Dataset.
◇ ◇ ◇ ◇

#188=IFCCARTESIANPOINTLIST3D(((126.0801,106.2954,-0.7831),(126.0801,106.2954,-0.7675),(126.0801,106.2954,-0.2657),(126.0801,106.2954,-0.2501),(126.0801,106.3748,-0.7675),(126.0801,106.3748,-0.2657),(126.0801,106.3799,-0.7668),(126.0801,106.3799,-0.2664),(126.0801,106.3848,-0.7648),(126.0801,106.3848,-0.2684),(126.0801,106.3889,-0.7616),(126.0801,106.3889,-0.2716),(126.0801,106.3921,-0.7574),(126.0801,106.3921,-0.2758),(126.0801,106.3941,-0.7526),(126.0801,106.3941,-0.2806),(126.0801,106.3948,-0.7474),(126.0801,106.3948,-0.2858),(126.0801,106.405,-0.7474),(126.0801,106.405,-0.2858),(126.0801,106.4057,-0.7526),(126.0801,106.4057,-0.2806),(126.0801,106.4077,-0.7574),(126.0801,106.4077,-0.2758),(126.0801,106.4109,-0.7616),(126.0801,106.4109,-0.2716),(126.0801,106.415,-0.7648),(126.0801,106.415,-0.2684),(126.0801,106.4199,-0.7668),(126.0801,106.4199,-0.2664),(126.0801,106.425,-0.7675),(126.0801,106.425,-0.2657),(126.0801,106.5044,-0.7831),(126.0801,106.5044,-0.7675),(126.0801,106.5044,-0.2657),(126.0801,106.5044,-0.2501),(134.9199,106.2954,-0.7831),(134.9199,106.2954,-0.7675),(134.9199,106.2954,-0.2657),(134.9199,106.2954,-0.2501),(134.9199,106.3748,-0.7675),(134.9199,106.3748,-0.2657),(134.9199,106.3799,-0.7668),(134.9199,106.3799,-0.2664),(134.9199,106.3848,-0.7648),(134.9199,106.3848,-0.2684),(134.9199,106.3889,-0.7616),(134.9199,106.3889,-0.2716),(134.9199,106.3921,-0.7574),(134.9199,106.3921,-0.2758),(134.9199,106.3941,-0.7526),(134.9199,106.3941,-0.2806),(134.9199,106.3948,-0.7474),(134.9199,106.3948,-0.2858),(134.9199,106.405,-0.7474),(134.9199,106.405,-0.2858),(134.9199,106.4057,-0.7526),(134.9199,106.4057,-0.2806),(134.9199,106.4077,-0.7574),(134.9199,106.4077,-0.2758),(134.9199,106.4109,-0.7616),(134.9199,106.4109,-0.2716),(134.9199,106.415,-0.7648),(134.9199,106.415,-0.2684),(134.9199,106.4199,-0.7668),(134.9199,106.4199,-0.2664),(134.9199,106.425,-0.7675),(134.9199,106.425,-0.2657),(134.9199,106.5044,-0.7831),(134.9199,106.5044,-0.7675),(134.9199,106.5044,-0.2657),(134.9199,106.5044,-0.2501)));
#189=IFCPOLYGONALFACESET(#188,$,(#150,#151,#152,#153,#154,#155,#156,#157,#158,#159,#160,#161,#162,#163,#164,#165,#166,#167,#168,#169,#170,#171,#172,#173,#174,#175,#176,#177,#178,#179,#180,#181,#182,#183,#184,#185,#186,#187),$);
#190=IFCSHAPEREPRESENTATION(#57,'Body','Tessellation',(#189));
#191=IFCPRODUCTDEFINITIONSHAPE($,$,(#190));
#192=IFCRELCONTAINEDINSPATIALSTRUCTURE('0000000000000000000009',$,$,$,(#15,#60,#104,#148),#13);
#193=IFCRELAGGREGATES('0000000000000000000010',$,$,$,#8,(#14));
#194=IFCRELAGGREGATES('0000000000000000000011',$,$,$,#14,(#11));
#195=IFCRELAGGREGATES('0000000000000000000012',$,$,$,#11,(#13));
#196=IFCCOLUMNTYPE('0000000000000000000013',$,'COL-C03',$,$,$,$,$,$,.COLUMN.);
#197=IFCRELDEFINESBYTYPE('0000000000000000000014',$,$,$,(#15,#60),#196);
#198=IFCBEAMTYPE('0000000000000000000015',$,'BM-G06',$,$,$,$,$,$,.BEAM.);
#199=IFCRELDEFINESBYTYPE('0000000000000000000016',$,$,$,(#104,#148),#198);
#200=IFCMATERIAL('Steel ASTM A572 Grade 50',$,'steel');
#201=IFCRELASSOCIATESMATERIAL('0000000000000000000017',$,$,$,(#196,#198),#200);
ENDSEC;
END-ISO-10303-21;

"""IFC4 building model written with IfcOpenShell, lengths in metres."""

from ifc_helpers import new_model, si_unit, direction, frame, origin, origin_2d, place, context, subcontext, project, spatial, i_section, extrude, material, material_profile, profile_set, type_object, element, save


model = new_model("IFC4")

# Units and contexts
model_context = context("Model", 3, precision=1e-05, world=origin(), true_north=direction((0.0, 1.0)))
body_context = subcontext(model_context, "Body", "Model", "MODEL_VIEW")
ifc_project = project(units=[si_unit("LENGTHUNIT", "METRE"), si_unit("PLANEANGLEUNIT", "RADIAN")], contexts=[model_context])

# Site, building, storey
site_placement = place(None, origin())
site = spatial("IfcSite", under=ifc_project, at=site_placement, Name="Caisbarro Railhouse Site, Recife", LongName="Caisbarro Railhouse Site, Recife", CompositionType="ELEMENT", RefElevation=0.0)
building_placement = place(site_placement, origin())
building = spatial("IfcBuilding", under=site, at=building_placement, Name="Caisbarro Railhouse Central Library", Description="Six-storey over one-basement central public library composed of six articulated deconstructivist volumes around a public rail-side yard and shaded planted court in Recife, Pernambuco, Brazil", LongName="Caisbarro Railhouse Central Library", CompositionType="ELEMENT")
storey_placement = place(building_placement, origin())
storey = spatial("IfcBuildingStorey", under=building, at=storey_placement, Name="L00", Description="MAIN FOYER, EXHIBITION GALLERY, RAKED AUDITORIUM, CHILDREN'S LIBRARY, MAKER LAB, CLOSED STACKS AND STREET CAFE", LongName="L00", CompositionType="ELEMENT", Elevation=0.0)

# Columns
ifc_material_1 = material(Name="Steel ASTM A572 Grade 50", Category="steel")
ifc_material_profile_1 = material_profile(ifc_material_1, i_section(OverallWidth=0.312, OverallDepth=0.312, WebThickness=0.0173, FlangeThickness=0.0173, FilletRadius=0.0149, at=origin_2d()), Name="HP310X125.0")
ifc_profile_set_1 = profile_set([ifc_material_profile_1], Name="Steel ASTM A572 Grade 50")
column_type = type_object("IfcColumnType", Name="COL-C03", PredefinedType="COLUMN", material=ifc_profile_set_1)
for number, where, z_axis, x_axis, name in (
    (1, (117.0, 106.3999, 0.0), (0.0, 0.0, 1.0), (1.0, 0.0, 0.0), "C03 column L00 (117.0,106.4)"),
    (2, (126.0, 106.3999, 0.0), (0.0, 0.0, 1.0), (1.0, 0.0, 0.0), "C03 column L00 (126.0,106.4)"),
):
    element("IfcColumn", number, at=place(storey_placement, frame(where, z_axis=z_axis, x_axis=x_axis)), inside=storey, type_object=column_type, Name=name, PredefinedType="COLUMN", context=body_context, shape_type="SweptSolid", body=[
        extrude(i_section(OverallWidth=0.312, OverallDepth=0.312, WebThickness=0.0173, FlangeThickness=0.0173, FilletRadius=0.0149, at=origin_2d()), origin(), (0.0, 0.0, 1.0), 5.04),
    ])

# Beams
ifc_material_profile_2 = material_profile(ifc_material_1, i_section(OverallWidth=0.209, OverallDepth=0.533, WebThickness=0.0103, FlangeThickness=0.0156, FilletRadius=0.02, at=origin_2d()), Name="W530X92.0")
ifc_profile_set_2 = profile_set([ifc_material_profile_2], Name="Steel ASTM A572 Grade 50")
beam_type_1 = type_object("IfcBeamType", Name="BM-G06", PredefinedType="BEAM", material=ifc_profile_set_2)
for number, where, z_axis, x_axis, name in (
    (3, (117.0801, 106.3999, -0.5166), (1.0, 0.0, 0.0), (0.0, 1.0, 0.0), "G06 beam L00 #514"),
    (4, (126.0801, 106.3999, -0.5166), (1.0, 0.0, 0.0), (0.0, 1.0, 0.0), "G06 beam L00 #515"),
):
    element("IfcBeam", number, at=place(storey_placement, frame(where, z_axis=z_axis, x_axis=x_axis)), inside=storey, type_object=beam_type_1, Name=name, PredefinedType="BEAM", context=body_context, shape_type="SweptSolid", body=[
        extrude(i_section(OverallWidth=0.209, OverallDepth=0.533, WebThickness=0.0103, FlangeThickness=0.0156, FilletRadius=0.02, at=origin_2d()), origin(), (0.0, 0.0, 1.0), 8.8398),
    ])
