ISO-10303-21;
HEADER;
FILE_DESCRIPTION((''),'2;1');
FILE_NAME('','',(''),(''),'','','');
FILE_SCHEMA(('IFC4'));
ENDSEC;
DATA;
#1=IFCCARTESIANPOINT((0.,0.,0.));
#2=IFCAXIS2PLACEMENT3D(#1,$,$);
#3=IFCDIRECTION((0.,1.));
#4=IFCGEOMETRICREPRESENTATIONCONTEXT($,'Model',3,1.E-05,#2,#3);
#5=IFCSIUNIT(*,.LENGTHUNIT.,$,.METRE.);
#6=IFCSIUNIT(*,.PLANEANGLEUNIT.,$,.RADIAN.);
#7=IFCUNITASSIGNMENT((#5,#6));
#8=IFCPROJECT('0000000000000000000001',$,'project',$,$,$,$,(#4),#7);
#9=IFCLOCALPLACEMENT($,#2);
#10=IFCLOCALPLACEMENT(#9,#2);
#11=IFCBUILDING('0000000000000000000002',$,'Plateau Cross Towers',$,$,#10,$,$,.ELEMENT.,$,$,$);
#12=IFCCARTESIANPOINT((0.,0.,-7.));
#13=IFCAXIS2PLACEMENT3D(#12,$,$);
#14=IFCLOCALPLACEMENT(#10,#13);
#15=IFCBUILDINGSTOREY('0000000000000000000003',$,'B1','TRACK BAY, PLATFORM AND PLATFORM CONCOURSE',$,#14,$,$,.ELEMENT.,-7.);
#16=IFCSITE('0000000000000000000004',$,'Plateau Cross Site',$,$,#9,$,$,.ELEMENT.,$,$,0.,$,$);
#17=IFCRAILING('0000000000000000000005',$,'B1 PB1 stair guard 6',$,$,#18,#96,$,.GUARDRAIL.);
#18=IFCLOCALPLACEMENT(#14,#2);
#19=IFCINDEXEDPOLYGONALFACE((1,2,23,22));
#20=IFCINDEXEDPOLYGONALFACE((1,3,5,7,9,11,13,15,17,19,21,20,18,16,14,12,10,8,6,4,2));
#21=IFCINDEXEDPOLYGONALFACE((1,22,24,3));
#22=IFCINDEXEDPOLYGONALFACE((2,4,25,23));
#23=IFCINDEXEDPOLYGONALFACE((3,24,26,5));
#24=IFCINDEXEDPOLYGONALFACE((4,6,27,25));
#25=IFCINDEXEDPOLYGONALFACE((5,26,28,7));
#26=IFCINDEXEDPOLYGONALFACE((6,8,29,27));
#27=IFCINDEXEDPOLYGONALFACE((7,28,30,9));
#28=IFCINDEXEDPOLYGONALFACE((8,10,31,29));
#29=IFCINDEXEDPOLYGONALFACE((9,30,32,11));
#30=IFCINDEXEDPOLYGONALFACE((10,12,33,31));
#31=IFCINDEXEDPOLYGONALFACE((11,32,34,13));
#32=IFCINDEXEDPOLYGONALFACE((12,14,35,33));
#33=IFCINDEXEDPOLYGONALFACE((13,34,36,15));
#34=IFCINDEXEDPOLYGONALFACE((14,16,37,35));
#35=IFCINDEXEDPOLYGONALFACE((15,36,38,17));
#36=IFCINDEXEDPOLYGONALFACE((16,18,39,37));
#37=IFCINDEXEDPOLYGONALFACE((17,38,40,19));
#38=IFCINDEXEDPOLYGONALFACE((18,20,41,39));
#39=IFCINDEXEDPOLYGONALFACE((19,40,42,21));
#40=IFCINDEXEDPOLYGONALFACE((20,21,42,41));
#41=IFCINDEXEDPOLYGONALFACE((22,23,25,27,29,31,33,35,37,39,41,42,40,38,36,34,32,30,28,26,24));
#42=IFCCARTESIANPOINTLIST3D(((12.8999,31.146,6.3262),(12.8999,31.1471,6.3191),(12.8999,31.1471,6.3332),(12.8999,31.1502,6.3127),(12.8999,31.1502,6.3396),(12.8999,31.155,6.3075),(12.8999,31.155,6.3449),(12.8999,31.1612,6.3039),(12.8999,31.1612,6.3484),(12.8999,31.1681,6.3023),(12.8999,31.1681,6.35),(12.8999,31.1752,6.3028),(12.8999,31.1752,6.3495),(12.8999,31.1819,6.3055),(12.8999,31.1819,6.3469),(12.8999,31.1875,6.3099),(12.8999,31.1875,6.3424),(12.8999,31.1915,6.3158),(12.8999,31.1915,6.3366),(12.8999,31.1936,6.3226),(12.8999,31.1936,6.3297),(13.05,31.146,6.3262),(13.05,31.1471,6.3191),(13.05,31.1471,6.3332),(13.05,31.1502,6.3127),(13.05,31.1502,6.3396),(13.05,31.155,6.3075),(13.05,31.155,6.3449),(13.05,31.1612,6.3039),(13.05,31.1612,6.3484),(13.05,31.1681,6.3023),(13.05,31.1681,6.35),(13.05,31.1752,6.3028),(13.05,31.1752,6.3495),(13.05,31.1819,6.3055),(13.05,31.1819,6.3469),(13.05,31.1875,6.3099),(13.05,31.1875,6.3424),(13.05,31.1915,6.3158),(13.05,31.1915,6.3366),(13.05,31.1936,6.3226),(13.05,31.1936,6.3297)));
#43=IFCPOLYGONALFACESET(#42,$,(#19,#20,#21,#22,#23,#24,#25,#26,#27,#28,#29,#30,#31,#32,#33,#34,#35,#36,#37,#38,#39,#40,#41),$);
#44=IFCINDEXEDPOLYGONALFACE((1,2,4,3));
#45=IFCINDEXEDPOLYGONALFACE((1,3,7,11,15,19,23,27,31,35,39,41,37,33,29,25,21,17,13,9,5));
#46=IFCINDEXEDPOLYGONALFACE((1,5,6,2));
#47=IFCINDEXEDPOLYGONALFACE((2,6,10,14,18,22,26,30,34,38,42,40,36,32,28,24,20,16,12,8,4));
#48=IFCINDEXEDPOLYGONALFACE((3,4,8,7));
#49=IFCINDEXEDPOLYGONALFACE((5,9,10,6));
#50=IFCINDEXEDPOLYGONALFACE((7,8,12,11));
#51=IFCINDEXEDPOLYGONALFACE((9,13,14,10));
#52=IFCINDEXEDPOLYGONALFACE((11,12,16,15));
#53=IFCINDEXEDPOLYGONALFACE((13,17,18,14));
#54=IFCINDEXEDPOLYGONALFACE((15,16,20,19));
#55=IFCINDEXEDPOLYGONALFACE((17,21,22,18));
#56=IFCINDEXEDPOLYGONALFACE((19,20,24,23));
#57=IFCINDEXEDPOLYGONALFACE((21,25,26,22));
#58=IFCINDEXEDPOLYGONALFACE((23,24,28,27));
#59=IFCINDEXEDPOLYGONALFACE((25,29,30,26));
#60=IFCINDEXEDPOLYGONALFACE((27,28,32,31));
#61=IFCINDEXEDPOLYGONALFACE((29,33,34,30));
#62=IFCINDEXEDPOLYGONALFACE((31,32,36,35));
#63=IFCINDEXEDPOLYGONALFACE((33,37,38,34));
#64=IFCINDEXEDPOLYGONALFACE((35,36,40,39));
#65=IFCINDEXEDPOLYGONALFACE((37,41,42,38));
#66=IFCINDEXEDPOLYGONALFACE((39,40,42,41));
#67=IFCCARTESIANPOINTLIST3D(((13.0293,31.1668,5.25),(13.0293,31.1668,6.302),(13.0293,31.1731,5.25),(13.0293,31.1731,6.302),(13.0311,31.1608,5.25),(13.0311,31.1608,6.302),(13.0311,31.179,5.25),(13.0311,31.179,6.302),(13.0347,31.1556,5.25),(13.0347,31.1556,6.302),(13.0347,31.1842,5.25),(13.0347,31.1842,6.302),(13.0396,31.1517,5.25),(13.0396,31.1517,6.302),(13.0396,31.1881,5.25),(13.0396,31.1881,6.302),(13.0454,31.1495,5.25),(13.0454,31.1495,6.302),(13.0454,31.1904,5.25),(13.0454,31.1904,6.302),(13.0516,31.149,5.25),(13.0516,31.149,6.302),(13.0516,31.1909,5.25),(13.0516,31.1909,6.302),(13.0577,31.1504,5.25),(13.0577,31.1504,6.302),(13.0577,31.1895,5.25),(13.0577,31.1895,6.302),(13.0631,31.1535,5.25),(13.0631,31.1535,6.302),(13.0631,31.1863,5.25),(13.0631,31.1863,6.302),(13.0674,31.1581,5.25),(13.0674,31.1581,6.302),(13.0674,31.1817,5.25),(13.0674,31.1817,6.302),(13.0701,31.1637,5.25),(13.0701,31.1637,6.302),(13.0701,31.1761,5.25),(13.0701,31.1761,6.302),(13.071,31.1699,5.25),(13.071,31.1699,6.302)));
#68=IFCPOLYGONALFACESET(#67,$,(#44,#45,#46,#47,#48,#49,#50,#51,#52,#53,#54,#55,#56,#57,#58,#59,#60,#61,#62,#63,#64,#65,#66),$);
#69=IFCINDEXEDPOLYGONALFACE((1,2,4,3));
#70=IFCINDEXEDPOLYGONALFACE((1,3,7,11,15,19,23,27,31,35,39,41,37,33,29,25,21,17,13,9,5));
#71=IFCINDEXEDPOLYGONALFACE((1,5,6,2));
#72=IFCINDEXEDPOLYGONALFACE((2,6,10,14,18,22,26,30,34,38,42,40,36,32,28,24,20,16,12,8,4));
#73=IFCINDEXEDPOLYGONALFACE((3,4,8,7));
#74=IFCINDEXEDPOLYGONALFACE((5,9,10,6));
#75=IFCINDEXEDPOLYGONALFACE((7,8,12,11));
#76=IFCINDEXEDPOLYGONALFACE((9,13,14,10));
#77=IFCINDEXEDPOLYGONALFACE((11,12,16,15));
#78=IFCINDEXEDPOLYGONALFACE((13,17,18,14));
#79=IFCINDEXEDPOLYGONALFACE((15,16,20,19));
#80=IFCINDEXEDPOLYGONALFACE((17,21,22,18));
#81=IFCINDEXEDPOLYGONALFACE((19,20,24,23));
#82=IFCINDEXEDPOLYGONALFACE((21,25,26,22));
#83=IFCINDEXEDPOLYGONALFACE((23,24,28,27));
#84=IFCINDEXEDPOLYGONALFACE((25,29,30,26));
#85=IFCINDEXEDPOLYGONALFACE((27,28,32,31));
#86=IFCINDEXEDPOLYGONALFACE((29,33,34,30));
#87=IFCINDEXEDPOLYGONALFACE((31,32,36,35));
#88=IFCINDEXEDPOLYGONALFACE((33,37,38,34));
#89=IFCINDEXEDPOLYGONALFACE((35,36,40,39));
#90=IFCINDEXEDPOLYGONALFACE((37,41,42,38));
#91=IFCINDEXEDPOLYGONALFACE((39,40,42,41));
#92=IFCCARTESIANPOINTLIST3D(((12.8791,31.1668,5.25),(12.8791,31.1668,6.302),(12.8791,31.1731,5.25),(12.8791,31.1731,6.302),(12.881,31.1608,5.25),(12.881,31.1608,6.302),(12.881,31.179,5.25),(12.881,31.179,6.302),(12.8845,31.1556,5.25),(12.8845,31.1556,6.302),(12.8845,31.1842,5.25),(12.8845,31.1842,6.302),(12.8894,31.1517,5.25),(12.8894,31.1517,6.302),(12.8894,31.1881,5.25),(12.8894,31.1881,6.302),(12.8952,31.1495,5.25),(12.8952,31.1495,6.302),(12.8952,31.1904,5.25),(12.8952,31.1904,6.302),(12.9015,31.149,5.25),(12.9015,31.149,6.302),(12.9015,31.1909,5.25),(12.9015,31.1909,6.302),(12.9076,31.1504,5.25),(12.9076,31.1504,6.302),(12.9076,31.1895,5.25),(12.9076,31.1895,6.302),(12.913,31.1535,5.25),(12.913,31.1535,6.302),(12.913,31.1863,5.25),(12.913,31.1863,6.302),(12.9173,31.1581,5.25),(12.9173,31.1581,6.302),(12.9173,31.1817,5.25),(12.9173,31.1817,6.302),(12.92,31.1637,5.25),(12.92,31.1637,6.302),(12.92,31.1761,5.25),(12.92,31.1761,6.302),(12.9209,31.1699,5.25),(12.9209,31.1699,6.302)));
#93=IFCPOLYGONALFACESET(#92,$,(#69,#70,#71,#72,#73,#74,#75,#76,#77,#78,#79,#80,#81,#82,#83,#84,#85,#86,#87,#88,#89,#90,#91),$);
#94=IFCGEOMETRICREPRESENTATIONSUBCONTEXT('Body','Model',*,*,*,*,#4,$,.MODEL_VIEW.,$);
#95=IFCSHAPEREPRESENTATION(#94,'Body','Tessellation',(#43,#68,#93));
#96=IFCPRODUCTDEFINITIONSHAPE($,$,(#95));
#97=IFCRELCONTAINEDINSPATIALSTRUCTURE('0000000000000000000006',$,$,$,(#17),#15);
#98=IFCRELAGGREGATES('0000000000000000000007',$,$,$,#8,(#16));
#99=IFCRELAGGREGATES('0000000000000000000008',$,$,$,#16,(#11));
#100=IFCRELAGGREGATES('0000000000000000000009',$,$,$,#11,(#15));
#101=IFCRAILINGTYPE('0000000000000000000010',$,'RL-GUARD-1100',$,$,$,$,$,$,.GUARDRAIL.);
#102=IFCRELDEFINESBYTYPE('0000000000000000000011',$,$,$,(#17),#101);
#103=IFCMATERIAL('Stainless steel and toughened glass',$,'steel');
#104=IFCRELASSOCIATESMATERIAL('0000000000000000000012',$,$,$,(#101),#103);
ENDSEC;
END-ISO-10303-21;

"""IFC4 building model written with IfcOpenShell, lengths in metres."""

from ifc_helpers import new_model, si_unit, direction, frame, origin, origin_2d, place, context, subcontext, project, spatial, circle, extrude, material, type_object, element, save


model = new_model("IFC4")

# Units and contexts
model_context = context("Model", 3, precision=1e-05, world=origin(), true_north=direction((0.0, 1.0)))
body_context = subcontext(model_context, "Body", "Model", "MODEL_VIEW")
ifc_project = project(units=[si_unit("LENGTHUNIT", "METRE"), si_unit("PLANEANGLEUNIT", "RADIAN")], contexts=[model_context])

# Site, building, storey
site_placement = place(None, origin())
site = spatial("IfcSite", under=ifc_project, at=site_placement, Name="Plateau Cross Site", CompositionType="ELEMENT", RefElevation=0.0)
building_placement = place(site_placement, origin())
building = spatial("IfcBuilding", under=site, at=building_placement, Name="Plateau Cross Towers", CompositionType="ELEMENT")
storey_placement = place(building_placement, frame((0.0, 0.0, -7.0)))
storey = spatial("IfcBuildingStorey", under=building, at=storey_placement, Name="B1", Description="TRACK BAY, PLATFORM AND PLATFORM CONCOURSE", CompositionType="ELEMENT", Elevation=-7.0)

# Railing
ifc_material_1 = material(Name="Stainless steel and toughened glass", Category="steel")
railing_type_1 = type_object("IfcRailingType", Name="RL-GUARD-1100", PredefinedType="GUARDRAIL", material=ifc_material_1)
railing_1_placement = place(storey_placement, frame((13.05, 31.1699, 5.25)))
element("IfcRailing", 1, at=railing_1_placement, inside=storey, type_object=railing_type_1, Name="B1 PB1 stair guard 6", PredefinedType="GUARDRAIL", context=body_context, shape_type="SweptSolid", body=[
    extrude(circle(Radius=0.0239, at=origin_2d()), frame((0.0, 0.0, 1.0762), z_axis=(-1.0, 0.0, 0.0), x_axis=(0.0, -1.0, 0.0)), (0.0, 0.0, 1.0), 0.1501),
    extrude(circle(Radius=0.021, at=origin_2d()), origin(), (0.0, 0.0, 1.0), 1.052),
    extrude(circle(Radius=0.021, at=origin_2d()), frame((-0.1501, 0.0, 0.0)), (0.0, 0.0, 1.0), 1.052),
])

save(model, "model.ifc")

◇ ◇ ◇ ◇

Work to be completed. The expected output is exactly the lines of the listing above between the line holding "#75=IFCINDEXEDPOLYGONALFACE((7,8,12,11));" and the line holding "#80=IFCINDEXEDPOLYGONALFACE((17,21,22,18));", inclusive.

Answer for this exercise.
#75=IFCINDEXEDPOLYGONALFACE((7,8,12,11));
#76=IFCINDEXEDPOLYGONALFACE((9,13,14,10));
#77=IFCINDEXEDPOLYGONALFACE((11,12,16,15));
#78=IFCINDEXEDPOLYGONALFACE((13,17,18,14));
#79=IFCINDEXEDPOLYGONALFACE((15,16,20,19));
#80=IFCINDEXEDPOLYGONALFACE((17,21,22,18));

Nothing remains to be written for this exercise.